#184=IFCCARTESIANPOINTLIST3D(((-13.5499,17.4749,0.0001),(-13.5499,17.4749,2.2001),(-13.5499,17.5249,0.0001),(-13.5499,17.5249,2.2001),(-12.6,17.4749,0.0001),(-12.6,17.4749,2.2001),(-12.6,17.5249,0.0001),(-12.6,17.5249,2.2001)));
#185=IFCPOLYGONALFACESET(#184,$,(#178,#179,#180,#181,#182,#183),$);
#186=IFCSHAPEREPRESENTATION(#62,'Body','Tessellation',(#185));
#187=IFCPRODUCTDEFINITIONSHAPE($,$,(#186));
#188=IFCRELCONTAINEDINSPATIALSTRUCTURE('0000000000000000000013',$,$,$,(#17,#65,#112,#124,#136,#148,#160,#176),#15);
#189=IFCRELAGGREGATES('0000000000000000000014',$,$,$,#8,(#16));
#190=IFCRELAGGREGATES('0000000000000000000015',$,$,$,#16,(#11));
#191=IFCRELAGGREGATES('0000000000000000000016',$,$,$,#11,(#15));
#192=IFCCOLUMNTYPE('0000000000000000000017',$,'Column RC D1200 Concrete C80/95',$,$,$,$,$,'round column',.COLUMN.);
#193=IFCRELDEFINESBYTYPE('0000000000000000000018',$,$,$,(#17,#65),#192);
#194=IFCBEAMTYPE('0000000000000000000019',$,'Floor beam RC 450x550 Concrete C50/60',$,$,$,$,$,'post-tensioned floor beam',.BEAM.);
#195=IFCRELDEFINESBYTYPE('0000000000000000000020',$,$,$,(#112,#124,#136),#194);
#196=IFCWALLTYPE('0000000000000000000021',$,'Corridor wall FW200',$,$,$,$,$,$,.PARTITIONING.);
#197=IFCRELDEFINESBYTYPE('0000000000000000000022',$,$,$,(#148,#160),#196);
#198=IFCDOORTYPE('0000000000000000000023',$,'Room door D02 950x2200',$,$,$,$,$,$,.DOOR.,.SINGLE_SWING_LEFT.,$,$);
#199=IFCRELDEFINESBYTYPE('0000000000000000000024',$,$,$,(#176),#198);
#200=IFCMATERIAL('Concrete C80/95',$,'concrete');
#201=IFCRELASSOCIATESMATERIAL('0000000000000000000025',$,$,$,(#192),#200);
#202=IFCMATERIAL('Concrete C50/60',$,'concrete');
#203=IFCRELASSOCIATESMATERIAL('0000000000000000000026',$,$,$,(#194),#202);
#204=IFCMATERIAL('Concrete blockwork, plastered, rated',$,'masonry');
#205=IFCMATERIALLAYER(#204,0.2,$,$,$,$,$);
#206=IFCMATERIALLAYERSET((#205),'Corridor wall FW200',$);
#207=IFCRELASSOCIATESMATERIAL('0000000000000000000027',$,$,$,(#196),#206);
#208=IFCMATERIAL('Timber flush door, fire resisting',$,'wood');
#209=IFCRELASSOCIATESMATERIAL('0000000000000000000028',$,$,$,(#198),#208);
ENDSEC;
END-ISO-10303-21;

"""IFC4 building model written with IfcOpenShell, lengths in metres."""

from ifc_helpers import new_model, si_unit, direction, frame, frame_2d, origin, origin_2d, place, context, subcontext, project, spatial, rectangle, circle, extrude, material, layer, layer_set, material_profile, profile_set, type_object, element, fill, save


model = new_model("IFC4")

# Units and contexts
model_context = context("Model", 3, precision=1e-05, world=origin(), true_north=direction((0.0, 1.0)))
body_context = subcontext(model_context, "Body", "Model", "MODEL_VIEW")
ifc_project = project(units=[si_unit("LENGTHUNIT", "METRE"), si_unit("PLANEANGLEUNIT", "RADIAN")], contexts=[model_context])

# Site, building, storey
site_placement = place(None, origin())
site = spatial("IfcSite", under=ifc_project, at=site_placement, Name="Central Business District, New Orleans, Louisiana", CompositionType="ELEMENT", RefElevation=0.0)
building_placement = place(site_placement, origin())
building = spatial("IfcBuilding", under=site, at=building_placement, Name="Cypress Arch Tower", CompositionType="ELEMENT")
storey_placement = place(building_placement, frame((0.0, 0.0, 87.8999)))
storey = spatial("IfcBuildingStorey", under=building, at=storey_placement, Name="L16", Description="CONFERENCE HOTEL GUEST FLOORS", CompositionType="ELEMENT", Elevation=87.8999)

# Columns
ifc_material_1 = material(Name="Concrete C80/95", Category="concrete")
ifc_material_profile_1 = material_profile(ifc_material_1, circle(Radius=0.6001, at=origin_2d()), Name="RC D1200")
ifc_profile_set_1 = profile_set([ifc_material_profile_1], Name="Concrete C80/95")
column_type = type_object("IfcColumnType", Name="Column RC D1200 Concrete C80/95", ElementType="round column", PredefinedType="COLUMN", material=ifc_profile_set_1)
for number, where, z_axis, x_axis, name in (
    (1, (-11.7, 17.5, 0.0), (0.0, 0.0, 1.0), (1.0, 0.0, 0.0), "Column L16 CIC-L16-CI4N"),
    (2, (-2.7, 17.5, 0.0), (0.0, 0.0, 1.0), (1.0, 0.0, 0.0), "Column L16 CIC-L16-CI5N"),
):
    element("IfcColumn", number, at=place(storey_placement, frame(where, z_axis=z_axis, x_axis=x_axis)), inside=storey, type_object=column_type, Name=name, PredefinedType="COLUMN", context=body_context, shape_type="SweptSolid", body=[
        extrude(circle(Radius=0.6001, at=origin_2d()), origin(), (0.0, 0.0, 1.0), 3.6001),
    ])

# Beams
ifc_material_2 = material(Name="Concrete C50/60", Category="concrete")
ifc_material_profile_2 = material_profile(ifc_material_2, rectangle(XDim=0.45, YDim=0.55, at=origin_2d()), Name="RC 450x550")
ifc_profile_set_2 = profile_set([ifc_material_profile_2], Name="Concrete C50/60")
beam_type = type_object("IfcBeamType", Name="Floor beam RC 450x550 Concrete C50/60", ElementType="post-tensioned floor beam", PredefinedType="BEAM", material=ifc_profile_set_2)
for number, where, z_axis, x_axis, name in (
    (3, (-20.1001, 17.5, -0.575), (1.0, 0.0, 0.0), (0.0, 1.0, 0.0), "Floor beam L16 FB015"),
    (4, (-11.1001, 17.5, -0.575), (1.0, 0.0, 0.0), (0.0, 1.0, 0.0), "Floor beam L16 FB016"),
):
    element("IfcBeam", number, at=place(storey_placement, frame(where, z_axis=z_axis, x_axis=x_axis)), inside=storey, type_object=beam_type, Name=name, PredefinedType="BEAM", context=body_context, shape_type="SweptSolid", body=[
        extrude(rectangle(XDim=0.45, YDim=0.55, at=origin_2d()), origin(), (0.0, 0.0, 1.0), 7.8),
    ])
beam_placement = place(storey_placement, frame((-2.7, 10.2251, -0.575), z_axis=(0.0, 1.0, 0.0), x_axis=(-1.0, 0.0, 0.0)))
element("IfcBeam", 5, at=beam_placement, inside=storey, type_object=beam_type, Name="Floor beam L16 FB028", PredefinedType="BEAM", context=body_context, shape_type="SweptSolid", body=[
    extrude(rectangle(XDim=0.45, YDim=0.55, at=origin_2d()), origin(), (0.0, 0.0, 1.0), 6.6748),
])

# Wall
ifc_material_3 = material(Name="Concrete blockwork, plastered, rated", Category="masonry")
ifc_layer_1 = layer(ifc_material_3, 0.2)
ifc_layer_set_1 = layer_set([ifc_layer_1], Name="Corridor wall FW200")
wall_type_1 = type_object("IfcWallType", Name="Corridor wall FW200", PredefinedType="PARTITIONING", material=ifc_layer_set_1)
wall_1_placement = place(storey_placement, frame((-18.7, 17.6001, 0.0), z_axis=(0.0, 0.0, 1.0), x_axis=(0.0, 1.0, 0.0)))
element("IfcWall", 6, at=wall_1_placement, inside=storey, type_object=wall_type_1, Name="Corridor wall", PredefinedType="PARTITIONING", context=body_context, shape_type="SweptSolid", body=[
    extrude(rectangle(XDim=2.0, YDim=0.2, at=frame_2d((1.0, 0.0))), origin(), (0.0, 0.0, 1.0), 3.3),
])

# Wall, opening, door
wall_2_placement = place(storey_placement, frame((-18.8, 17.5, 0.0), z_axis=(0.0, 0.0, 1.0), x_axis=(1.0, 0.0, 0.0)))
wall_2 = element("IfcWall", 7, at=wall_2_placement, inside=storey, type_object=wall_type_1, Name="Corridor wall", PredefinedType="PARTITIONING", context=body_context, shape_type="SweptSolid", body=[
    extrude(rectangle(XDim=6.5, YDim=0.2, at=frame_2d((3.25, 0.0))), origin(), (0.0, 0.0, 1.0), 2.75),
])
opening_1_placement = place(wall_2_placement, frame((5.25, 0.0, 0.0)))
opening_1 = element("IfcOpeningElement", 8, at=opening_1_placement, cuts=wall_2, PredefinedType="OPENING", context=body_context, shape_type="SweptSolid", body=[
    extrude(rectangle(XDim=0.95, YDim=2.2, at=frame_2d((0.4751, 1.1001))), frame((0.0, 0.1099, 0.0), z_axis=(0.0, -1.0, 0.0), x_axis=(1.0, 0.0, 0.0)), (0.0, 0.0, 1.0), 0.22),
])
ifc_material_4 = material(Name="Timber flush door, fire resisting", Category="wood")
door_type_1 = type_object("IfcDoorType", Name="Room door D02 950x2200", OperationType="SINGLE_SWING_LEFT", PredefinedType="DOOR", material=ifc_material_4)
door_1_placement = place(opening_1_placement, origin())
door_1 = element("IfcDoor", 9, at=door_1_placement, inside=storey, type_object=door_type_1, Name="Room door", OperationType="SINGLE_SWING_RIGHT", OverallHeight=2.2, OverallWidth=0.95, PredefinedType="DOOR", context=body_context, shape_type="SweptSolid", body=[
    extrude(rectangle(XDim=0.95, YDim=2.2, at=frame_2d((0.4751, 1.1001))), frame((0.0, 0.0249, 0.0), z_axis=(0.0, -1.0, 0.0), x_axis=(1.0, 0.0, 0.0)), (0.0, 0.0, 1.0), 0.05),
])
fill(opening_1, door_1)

===

§ Task objective:
Please write out exactly the lines from the start of the data through the line that contains "#191=IFCRELAGGREGATES('0000000000000000000016',$,$,$,#11,(#15));", both ends included, and nothing else.

§ Solution for this exercise:
#184=IFCCARTESIANPOINTLIST3D(((-13.5499,17.4749,0.0001),(-13.5499,17.4749,2.2001),(-13.5499,17.5249,0.0001),(-13.5499,17.5249,2.2001),(-12.6,17.4749,0.0001),(-12.6,17.4749,2.2001),(-12.6,17.5249,0.0001),(-12.6,17.5249,2.2001)));
#185=IFCPOLYGONALFACESET(#184,$,(#178,#179,#180,#181,#182,#183),$);
#186=IFCSHAPEREPRESENTATION(#62,'Body','Tessellation',(#185));
#187=IFCPRODUCTDEFINITIONSHAPE($,$,(#186));
#188=IFCRELCONTAINEDINSPATIALSTRUCTURE('0000000000000000000013',$,$,$,(#17,#65,#112,#124,#136,#148,#160,#176),#15);
#189=IFCRELAGGREGATES('0000000000000000000014',$,$,$,#8,(#16));
#190=IFCRELAGGREGATES('0000000000000000000015',$,$,$,#16,(#11));
#191=IFCRELAGGREGATES('0000000000000000000016',$,$,$,#11,(#15));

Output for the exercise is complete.